• Task to complete
Your response should consist solely of the records, written out exactly.

--- START ---

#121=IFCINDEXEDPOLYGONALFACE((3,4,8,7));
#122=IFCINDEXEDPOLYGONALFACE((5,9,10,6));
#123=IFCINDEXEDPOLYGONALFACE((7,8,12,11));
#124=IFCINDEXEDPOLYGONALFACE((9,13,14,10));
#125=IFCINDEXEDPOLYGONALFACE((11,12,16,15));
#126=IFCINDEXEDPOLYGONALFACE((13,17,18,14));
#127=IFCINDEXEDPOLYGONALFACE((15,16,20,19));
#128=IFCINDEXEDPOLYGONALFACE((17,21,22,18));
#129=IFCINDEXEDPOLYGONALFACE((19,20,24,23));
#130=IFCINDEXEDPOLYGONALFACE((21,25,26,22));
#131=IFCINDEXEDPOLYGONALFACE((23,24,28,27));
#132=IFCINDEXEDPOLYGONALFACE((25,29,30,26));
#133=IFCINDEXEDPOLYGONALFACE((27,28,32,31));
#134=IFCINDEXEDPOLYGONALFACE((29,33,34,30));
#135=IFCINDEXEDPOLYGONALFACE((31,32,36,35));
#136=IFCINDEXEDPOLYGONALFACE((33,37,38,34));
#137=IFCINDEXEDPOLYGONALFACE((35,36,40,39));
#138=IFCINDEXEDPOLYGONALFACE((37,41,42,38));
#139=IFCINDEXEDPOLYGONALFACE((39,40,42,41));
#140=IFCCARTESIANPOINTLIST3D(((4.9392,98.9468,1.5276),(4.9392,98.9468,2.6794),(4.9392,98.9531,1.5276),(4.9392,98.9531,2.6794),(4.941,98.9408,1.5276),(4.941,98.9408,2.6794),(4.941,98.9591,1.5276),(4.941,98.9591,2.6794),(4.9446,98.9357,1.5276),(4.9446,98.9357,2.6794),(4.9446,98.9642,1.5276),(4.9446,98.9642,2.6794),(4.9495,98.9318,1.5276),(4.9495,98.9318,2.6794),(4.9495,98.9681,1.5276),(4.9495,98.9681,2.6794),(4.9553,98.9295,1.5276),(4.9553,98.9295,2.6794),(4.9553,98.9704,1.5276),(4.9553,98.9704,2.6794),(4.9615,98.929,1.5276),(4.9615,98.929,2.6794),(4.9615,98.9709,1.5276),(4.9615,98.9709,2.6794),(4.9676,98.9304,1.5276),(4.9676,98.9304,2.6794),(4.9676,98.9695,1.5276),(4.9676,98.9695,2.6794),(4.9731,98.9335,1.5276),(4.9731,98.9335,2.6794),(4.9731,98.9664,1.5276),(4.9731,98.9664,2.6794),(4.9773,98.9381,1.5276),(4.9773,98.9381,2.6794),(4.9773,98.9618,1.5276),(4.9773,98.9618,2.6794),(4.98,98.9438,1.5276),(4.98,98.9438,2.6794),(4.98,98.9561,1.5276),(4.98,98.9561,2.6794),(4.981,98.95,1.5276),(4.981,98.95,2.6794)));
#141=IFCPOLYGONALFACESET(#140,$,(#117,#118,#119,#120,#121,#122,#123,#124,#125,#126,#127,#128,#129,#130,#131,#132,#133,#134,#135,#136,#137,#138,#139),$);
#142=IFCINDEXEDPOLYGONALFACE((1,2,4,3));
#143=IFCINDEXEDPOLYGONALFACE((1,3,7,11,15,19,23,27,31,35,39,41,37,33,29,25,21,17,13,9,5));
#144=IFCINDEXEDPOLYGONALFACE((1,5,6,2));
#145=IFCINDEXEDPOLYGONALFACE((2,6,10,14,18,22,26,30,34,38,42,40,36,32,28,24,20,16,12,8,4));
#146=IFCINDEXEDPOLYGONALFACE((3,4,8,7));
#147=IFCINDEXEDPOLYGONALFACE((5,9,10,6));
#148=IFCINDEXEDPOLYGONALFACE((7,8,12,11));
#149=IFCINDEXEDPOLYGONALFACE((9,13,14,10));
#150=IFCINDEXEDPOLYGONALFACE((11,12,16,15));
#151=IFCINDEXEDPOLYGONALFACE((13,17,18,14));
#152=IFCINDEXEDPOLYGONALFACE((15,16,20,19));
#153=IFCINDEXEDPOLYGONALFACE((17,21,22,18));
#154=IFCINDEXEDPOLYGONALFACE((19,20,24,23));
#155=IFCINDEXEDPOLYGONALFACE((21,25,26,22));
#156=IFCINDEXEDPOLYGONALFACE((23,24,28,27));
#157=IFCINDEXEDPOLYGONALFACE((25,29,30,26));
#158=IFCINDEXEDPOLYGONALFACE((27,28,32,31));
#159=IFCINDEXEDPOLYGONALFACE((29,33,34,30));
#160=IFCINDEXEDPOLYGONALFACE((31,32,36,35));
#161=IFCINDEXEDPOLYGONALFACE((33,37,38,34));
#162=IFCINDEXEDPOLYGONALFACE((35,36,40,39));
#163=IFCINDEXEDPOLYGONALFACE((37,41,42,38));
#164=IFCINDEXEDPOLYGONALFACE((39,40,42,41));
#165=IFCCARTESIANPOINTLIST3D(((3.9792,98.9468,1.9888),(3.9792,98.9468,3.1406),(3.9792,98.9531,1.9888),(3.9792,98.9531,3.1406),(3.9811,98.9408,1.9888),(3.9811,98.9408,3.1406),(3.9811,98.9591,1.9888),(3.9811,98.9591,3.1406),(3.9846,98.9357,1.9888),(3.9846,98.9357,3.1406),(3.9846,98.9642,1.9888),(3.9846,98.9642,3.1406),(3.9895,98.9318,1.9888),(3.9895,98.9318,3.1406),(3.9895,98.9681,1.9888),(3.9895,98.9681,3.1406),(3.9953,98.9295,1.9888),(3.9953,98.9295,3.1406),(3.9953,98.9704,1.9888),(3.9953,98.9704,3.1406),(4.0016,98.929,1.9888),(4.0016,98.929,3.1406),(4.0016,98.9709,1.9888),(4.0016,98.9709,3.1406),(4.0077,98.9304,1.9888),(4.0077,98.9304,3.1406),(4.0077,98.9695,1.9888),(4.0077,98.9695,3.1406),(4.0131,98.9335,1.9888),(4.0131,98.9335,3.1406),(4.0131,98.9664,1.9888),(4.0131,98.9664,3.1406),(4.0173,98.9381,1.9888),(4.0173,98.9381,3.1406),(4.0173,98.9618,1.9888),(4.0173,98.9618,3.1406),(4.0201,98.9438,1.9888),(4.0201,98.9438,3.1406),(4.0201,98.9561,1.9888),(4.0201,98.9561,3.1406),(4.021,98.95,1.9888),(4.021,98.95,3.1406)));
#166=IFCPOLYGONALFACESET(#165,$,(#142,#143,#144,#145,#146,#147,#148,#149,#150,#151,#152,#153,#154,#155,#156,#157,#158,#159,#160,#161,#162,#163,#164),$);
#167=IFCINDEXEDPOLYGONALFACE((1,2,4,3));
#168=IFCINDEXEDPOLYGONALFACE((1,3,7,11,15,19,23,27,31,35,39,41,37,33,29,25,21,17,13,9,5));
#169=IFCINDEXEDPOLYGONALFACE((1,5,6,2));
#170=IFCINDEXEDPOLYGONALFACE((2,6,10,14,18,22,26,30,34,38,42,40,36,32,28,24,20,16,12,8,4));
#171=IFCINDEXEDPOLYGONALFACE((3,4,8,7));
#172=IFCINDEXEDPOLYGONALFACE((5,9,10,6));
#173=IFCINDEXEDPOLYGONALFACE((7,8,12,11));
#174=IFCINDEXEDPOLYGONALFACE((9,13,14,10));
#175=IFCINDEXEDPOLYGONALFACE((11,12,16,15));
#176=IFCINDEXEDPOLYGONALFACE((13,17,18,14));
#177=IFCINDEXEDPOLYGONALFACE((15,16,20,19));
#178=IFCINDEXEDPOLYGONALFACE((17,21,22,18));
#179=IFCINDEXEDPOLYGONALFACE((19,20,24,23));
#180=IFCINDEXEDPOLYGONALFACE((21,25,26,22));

--- END ---

• Response for this exercise
#121=IFCINDEXEDPOLYGONALFACE((3,4,8,7));
#122=IFCINDEXEDPOLYGONALFACE((5,9,10,6));
#123=IFCINDEXEDPOLYGONALFACE((7,8,12,11));
#124=IFCINDEXEDPOLYGONALFACE((9,13,14,10));
#125=IFCINDEXEDPOLYGONALFACE((11,12,16,15));
#126=IFCINDEXEDPOLYGONALFACE((13,17,18,14));
#127=IFCINDEXEDPOLYGONALFACE((15,16,20,19));
#128=IFCINDEXEDPOLYGONALFACE((17,21,22,18));
#129=IFCINDEXEDPOLYGONALFACE((19,20,24,23));
#130=IFCINDEXEDPOLYGONALFACE((21,25,26,22));
#131=IFCINDEXEDPOLYGONALFACE((23,24,28,27));
#132=IFCINDEXEDPOLYGONALFACE((25,29,30,26));
#133=IFCINDEXEDPOLYGONALFACE((27,28,32,31));
#134=IFCINDEXEDPOLYGONALFACE((29,33,34,30));
#135=IFCINDEXEDPOLYGONALFACE((31,32,36,35));
#136=IFCINDEXEDPOLYGONALFACE((33,37,38,34));
#137=IFCINDEXEDPOLYGONALFACE((35,36,40,39));
#138=IFCINDEXEDPOLYGONALFACE((37,41,42,38));
#139=IFCINDEXEDPOLYGONALFACE((39,40,42,41));
#140=IFCCARTESIANPOINTLIST3D(((4.9392,98.9468,1.5276),(4.9392,98.9468,2.6794),(4.9392,98.9531,1.5276),(4.9392,98.9531,2.6794),(4.941,98.9408,1.5276),(4.941,98.9408,2.6794),(4.941,98.9591,1.5276),(4.941,98.9591,2.6794),(4.9446,98.9357,1.5276),(4.9446,98.9357,2.6794),(4.9446,98.9642,1.5276),(4.9446,98.9642,2.6794),(4.9495,98.9318,1.5276),(4.9495,98.9318,2.6794),(4.9495,98.9681,1.5276),(4.9495,98.9681,2.6794),(4.9553,98.9295,1.5276),(4.9553,98.9295,2.6794),(4.9553,98.9704,1.5276),(4.9553,98.9704,2.6794),(4.9615,98.929,1.5276),(4.9615,98.929,2.6794),(4.9615,98.9709,1.5276),(4.9615,98.9709,2.6794),(4.9676,98.9304,1.5276),(4.9676,98.9304,2.6794),(4.9676,98.9695,1.5276),(4.9676,98.9695,2.6794),(4.9731,98.9335,1.5276),(4.9731,98.9335,2.6794),(4.9731,98.9664,1.5276),(4.9731,98.9664,2.6794),(4.9773,98.9381,1.5276),(4.9773,98.9381,2.6794),(4.9773,98.9618,1.5276),(4.9773,98.9618,2.6794),(4.98,98.9438,1.5276),(4.98,98.9438,2.6794),(4.98,98.9561,1.5276),(4.98,98.9561,2.6794),(4.981,98.95,1.5276),(4.981,98.95,2.6794)));
#141=IFCPOLYGONALFACESET(#140,$,(#117,#118,#119,#120,#121,#122,#123,#124,#125,#126,#127,#128,#129,#130,#131,#132,#133,#134,#135,#136,#137,#138,#139),$);
#142=IFCINDEXEDPOLYGONALFACE((1,2,4,3));
#143=IFCINDEXEDPOLYGONALFACE((1,3,7,11,15,19,23,27,31,35,39,41,37,33,29,25,21,17,13,9,5));
#144=IFCINDEXEDPOLYGONALFACE((1,5,6,2));
#145=IFCINDEXEDPOLYGONALFACE((2,6,10,14,18,22,26,30,34,38,42,40,36,32,28,24,20,16,12,8,4));
#146=IFCINDEXEDPOLYGONALFACE((3,4,8,7));
#147=IFCINDEXEDPOLYGONALFACE((5,9,10,6));
#148=IFCINDEXEDPOLYGONALFACE((7,8,12,11));
#149=IFCINDEXEDPOLYGONALFACE((9,13,14,10));
#150=IFCINDEXEDPOLYGONALFACE((11,12,16,15));
#151=IFCINDEXEDPOLYGONALFACE((13,17,18,14));
#152=IFCINDEXEDPOLYGONALFACE((15,16,20,19));
#153=IFCINDEXEDPOLYGONALFACE((17,21,22,18));
#154=IFCINDEXEDPOLYGONALFACE((19,20,24,23));
#155=IFCINDEXEDPOLYGONALFACE((21,25,26,22));
#156=IFCINDEXEDPOLYGONALFACE((23,24,28,27));
#157=IFCINDEXEDPOLYGONALFACE((25,29,30,26));
#158=IFCINDEXEDPOLYGONALFACE((27,28,32,31));
#159=IFCINDEXEDPOLYGONALFACE((29,33,34,30));
#160=IFCINDEXEDPOLYGONALFACE((31,32,36,35));
#161=IFCINDEXEDPOLYGONALFACE((33,37,38,34));
#162=IFCINDEXEDPOLYGONALFACE((35,36,40,39));
#163=IFCINDEXEDPOLYGONALFACE((37,41,42,38));
#164=IFCINDEXEDPOLYGONALFACE((39,40,42,41));
#165=IFCCARTESIANPOINTLIST3D(((3.9792,98.9468,1.9888),(3.9792,98.9468,3.1406),(3.9792,98.9531,1.9888),(3.9792,98.9531,3.1406),(3.9811,98.9408,1.9888),(3.9811,98.9408,3.1406),(3.9811,98.9591,1.9888),(3.9811,98.9591,3.1406),(3.9846,98.9357,1.9888),(3.9846,98.9357,3.1406),(3.9846,98.9642,1.9888),(3.9846,98.9642,3.1406),(3.9895,98.9318,1.9888),(3.9895,98.9318,3.1406),(3.9895,98.9681,1.9888),(3.9895,98.9681,3.1406),(3.9953,98.9295,1.9888),(3.9953,98.9295,3.1406),(3.9953,98.9704,1.9888),(3.9953,98.9704,3.1406),(4.0016,98.929,1.9888),(4.0016,98.929,3.1406),(4.0016,98.9709,1.9888),(4.0016,98.9709,3.1406),(4.0077,98.9304,1.9888),(4.0077,98.9304,3.1406),(4.0077,98.9695,1.9888),(4.0077,98.9695,3.1406),(4.0131,98.9335,1.9888),(4.0131,98.9335,3.1406),(4.0131,98.9664,1.9888),(4.0131,98.9664,3.1406),(4.0173,98.9381,1.9888),(4.0173,98.9381,3.1406),(4.0173,98.9618,1.9888),(4.0173,98.9618,3.1406),(4.0201,98.9438,1.9888),(4.0201,98.9438,3.1406),(4.0201,98.9561,1.9888),(4.0201,98.9561,3.1406),(4.021,98.95,1.9888),(4.021,98.95,3.1406)));
#166=IFCPOLYGONALFACESET(#165,$,(#142,#143,#144,#145,#146,#147,#148,#149,#150,#151,#152,#153,#154,#155,#156,#157,#158,#159,#160,#161,#162,#163,#164),$);
#167=IFCINDEXEDPOLYGONALFACE((1,2,4,3));
#168=IFCINDEXEDPOLYGONALFACE((1,3,7,11,15,19,23,27,31,35,39,41,37,33,29,25,21,17,13,9,5));
#169=IFCINDEXEDPOLYGONALFACE((1,5,6,2));
#170=IFCINDEXEDPOLYGONALFACE((2,6,10,14,18,22,26,30,34,38,42,40,36,32,28,24,20,16,12,8,4));
#171=IFCINDEXEDPOLYGONALFACE((3,4,8,7));
#172=IFCINDEXEDPOLYGONALFACE((5,9,10,6));
#173=IFCINDEXEDPOLYGONALFACE((7,8,12,11));
#174=IFCINDEXEDPOLYGONALFACE((9,13,14,10));
#175=IFCINDEXEDPOLYGONALFACE((11,12,16,15));
#176=IFCINDEXEDPOLYGONALFACE((13,17,18,14));
#177=IFCINDEXEDPOLYGONALFACE((15,16,20,19));
#178=IFCINDEXEDPOLYGONALFACE((17,21,22,18));
#179=IFCINDEXEDPOLYGONALFACE((19,20,24,23));
#180=IFCINDEXEDPOLYGONALFACE((21,25,26,22));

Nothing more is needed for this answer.